INSTRUCTIONS TO FOLLOW → Find each line below that includes "Kheshtan", then copy it.

[Stored data entries]
^^^^

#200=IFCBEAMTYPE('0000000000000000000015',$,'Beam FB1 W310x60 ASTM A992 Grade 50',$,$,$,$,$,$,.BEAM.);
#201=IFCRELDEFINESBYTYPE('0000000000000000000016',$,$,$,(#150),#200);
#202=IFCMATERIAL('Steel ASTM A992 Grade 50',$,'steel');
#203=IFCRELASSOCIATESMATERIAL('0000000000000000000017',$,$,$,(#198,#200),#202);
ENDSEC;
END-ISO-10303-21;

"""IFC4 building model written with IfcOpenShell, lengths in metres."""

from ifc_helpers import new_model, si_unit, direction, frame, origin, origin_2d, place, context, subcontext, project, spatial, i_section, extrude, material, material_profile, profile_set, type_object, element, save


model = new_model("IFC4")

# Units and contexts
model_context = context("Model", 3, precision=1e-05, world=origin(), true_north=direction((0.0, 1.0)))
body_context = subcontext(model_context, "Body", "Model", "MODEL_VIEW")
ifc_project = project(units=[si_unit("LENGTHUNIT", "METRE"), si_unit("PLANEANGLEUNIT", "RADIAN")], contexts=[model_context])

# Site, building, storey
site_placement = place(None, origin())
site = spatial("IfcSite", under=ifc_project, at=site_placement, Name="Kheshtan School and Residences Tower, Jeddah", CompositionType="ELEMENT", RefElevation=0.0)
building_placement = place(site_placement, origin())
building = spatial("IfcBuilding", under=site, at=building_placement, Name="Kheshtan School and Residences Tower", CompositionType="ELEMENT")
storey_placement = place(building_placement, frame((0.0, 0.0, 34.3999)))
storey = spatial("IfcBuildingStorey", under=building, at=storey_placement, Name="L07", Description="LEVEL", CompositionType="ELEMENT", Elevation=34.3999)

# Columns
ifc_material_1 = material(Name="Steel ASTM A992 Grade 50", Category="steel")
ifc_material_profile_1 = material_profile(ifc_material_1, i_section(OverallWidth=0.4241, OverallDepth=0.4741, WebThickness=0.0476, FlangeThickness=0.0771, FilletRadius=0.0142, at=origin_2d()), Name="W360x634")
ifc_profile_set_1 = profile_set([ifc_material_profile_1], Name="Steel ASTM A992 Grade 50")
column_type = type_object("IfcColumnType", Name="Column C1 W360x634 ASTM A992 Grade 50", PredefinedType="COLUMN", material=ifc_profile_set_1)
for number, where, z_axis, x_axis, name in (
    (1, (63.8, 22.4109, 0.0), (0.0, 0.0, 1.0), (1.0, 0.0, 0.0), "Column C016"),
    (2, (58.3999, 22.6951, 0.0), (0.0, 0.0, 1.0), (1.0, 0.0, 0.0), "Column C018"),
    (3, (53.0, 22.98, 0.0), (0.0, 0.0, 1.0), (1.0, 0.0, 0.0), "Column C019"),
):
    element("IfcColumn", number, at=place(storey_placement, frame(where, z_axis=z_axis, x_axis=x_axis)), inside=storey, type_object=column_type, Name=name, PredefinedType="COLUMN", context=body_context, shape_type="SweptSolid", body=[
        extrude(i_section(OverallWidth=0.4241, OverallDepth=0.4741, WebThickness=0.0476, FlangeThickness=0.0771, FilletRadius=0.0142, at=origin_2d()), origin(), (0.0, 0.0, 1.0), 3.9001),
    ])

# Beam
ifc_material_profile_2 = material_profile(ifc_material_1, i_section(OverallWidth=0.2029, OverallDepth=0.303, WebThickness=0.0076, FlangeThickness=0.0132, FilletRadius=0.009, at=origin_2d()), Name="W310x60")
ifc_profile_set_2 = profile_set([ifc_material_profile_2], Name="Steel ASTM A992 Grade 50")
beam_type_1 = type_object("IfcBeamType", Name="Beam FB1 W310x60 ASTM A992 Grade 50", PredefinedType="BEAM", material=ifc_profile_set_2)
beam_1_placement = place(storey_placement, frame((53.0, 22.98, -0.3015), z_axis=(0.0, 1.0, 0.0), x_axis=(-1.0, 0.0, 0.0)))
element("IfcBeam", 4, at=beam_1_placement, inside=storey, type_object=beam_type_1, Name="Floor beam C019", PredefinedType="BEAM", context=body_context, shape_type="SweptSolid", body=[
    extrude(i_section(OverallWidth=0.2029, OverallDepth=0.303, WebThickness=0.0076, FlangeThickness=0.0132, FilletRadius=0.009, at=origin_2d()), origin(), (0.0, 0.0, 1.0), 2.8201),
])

^^^^

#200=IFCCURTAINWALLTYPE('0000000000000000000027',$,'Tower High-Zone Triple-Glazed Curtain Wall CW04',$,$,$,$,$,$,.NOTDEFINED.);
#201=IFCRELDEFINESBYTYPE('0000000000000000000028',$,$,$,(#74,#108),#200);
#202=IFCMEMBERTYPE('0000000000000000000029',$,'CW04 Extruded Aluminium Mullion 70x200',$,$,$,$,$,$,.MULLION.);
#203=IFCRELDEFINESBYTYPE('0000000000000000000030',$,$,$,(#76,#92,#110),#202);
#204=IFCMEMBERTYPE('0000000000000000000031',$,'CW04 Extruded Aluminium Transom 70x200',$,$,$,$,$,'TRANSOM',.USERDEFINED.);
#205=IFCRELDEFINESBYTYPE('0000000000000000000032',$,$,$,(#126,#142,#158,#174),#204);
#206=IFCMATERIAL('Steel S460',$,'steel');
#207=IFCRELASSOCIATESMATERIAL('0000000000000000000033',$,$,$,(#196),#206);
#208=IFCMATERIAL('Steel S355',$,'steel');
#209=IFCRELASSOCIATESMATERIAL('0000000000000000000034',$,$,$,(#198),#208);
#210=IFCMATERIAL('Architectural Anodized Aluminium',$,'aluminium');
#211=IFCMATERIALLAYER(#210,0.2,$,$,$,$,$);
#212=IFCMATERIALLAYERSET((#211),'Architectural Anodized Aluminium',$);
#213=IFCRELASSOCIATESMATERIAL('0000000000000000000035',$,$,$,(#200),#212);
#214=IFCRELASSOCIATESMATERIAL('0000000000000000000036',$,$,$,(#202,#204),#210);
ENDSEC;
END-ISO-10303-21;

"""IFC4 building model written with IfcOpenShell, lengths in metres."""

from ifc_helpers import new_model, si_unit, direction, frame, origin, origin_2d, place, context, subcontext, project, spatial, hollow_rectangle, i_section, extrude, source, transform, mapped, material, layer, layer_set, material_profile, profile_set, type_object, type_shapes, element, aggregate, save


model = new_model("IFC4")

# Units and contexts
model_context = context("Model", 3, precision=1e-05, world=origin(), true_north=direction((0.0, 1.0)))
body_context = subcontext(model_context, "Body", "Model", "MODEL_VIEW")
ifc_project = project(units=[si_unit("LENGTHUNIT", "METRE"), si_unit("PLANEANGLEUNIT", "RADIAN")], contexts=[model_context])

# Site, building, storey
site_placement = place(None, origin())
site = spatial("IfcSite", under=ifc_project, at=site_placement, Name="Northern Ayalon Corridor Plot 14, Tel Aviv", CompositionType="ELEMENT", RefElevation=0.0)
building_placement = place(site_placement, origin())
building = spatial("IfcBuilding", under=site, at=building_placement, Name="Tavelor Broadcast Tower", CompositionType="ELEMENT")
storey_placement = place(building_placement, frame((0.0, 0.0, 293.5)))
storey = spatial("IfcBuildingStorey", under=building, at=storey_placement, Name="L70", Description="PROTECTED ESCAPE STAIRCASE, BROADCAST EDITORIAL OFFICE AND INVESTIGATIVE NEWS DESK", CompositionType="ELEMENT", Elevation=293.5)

^^^^

ANSWER BOX →
site = spatial("IfcSite", under=ifc_project, at=site_placement, Name="Kheshtan School and Residences Tower, Jeddah", CompositionType="ELEMENT", RefElevation=0.0)
building = spatial("IfcBuilding", under=site, at=building_placement, Name="Kheshtan School and Residences Tower", CompositionType="ELEMENT")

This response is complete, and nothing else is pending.